● **Exercise**: Throughout the material, count the lines with the word "SweptSolid" in them, and answer with only the figure.

● **Provided material**:
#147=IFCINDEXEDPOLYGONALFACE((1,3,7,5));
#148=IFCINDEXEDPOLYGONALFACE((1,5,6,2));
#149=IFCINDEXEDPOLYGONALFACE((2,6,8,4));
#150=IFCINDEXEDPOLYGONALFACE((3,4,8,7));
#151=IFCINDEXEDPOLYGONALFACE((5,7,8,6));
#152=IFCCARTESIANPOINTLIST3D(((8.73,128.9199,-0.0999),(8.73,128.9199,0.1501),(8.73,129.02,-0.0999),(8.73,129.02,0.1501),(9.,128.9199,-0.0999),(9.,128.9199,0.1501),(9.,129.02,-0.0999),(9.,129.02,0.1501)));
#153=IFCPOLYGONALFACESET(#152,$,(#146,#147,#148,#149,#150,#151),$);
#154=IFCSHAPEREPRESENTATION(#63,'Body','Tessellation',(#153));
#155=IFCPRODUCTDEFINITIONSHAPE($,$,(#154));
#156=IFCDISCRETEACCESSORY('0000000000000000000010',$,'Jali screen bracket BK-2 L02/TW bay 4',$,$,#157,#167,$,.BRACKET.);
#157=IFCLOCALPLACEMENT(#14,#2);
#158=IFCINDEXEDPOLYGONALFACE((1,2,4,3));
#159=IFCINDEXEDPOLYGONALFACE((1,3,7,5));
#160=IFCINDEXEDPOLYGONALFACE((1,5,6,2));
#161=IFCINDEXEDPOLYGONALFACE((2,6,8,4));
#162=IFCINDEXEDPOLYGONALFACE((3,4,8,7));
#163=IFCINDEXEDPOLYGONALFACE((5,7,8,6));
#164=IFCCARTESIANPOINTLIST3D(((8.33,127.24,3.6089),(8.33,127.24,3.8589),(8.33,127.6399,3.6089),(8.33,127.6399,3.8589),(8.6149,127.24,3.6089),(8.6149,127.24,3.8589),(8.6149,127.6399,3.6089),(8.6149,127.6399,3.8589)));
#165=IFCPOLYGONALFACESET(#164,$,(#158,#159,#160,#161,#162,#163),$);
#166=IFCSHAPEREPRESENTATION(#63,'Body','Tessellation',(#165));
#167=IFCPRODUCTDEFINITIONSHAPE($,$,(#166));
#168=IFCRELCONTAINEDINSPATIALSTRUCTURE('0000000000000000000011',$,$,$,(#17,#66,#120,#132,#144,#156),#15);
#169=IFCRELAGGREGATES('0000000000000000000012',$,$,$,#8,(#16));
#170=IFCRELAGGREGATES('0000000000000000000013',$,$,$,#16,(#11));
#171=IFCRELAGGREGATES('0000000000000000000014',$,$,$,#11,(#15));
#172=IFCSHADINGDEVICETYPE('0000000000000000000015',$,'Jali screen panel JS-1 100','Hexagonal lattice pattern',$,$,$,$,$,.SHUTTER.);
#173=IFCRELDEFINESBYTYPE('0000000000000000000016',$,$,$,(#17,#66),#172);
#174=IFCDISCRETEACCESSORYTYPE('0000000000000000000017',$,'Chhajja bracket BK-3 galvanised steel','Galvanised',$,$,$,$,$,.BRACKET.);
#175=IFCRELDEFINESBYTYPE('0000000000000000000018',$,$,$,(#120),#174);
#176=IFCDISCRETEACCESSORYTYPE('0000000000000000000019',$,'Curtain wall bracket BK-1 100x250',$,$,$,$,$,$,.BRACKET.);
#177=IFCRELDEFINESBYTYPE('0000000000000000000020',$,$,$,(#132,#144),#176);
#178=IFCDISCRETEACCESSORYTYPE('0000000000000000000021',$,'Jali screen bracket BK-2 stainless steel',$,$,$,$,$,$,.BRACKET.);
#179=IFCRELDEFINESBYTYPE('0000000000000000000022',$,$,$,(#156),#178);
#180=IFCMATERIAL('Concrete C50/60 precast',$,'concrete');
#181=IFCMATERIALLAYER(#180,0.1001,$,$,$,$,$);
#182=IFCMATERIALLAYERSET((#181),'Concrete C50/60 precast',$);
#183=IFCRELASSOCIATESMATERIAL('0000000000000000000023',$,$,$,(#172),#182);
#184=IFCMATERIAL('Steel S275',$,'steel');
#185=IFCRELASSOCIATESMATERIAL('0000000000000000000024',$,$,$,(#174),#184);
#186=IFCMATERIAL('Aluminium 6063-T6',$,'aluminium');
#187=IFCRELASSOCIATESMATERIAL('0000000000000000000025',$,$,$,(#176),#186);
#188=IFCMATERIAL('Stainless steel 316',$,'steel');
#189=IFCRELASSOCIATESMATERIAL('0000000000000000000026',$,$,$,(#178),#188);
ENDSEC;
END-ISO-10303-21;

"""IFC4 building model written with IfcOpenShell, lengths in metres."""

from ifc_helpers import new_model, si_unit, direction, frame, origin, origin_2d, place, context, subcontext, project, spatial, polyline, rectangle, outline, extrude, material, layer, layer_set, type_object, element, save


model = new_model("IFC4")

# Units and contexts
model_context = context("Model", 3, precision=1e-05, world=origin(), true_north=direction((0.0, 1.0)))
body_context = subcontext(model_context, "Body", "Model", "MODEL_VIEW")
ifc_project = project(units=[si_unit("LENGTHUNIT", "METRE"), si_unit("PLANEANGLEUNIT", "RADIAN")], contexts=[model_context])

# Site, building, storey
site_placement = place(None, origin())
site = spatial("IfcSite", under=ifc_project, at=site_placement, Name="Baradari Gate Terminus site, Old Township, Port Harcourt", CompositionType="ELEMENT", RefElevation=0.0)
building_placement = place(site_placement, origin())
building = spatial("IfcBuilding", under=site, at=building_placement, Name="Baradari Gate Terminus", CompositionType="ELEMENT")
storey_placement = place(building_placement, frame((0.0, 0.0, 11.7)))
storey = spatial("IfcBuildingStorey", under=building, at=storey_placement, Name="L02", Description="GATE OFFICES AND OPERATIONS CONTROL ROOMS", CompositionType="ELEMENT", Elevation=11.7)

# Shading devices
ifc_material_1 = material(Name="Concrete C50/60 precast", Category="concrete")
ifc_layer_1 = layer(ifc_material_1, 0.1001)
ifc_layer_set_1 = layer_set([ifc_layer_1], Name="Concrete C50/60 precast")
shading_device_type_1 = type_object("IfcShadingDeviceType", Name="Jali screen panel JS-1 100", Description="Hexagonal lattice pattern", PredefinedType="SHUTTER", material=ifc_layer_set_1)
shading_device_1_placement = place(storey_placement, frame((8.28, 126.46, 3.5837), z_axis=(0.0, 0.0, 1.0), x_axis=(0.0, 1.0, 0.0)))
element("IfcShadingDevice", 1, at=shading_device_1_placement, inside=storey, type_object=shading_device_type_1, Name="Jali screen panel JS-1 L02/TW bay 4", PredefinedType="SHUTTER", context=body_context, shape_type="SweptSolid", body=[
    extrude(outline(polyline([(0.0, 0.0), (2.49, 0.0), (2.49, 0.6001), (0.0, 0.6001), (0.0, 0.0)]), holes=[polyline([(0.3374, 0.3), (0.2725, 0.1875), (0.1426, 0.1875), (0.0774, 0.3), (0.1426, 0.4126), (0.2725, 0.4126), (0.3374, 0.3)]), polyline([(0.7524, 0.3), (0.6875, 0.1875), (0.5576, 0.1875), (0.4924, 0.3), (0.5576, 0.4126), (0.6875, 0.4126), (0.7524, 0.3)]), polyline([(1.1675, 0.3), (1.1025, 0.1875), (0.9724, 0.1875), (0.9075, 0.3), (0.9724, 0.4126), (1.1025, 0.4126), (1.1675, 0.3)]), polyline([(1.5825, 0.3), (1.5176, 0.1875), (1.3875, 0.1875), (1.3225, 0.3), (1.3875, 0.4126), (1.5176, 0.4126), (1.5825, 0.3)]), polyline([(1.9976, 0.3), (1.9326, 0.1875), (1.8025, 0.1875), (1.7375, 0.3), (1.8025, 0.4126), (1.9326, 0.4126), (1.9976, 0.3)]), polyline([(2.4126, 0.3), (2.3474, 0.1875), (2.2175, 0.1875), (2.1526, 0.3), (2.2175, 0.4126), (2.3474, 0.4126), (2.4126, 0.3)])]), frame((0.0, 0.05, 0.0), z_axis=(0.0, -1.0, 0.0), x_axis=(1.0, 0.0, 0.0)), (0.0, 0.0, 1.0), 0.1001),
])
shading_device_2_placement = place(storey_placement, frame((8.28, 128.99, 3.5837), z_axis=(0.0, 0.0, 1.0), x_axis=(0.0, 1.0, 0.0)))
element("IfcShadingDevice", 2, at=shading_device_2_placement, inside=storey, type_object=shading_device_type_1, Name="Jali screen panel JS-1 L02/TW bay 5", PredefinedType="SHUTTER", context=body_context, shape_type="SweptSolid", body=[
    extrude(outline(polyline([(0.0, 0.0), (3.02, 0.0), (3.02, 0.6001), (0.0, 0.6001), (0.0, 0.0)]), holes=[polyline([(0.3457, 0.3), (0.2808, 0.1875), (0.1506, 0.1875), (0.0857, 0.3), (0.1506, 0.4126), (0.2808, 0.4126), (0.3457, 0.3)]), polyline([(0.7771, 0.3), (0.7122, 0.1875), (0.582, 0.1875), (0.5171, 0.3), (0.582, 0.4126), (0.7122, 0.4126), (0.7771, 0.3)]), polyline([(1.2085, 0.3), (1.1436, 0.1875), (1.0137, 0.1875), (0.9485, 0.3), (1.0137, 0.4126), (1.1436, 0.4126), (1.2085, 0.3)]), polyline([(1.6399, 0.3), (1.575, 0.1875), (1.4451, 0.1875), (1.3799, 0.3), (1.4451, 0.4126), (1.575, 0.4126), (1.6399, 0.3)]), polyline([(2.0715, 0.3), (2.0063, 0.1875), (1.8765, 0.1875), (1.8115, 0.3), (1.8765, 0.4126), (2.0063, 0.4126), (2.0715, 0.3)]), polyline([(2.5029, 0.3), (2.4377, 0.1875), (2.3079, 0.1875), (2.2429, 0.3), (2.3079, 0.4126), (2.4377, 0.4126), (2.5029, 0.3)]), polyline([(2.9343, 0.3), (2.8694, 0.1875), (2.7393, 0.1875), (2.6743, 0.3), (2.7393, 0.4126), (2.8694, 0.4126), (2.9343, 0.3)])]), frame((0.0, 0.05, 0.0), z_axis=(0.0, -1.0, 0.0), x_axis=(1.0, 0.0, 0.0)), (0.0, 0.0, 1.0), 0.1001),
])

---

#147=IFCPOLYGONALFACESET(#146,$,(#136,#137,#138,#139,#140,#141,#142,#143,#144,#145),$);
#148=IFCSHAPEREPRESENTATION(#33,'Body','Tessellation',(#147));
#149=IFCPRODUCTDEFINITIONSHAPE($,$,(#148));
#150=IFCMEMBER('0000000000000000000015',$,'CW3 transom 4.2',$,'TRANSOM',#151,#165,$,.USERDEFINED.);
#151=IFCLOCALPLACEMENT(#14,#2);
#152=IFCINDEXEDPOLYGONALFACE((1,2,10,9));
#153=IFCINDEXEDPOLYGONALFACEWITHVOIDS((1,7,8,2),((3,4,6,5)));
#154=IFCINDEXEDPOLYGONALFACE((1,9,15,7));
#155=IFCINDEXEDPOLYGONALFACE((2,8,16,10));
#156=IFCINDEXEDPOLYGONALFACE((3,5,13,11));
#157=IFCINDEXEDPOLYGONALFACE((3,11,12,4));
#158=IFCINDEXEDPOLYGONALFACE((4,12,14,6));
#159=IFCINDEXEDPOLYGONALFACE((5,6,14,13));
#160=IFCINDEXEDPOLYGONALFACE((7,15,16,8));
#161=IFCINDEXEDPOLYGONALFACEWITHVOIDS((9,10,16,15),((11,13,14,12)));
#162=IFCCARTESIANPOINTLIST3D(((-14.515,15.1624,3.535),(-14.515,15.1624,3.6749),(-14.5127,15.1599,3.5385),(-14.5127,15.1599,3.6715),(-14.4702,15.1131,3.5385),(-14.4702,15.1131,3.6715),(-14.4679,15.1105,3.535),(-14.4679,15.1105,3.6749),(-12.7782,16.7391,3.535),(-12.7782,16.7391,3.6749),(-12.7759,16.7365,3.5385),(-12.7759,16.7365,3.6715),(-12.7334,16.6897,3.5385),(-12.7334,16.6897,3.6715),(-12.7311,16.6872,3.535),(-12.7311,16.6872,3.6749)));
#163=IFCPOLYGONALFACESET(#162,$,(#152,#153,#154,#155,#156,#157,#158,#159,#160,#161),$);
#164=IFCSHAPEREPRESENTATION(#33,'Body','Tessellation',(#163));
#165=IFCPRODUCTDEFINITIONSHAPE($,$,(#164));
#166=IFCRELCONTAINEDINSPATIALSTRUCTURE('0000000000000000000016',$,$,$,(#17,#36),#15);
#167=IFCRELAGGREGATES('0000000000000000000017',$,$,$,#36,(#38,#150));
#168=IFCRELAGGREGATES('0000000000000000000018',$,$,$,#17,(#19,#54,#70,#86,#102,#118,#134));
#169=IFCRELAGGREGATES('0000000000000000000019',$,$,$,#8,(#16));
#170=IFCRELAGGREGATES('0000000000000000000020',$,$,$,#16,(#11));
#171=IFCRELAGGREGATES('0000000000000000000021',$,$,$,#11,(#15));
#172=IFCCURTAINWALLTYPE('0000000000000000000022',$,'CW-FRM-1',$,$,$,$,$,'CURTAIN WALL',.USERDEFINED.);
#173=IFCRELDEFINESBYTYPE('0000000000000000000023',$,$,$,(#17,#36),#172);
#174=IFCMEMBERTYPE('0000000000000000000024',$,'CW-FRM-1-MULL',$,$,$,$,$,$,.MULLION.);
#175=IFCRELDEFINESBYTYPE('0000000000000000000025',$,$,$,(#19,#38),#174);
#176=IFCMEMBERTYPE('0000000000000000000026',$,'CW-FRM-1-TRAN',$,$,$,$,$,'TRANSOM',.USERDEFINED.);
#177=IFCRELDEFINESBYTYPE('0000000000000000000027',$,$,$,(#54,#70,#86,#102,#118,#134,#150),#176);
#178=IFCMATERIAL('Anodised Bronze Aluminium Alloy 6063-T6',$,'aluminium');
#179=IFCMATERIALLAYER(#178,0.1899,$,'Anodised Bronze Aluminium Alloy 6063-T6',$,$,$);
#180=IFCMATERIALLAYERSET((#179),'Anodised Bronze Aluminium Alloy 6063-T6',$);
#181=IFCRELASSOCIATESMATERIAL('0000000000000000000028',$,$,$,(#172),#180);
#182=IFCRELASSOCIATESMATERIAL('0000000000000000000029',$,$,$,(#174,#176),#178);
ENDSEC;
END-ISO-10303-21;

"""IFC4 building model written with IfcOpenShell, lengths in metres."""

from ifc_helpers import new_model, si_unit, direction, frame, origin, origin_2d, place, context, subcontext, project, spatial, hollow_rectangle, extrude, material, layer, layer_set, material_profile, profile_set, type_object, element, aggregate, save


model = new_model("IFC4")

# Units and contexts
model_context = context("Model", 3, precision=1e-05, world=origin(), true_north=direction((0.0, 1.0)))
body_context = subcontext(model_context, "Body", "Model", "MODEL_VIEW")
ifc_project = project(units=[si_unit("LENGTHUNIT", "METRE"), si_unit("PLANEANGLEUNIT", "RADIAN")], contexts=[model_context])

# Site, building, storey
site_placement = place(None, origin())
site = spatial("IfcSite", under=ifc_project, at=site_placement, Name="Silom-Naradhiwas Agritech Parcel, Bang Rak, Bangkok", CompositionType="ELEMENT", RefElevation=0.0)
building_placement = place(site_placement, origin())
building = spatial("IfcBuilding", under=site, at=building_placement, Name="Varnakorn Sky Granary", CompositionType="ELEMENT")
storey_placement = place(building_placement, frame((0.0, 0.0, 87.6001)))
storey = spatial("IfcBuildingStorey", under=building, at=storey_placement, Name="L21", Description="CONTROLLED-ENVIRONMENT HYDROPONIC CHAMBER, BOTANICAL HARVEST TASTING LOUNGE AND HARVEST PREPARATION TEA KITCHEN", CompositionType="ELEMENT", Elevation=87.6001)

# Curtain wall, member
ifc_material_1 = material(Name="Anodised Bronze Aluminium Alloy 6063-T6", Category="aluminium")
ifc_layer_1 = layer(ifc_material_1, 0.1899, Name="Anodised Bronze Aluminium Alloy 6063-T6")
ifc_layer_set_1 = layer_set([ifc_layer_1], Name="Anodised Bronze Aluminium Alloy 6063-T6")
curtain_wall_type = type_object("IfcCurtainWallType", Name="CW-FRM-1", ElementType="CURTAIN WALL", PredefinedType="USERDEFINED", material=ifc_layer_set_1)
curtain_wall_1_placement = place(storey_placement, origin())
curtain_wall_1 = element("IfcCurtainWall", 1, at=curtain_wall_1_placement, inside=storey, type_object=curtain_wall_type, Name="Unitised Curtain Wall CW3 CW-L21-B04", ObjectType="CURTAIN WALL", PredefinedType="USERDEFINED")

● **Answer to the problem**: 2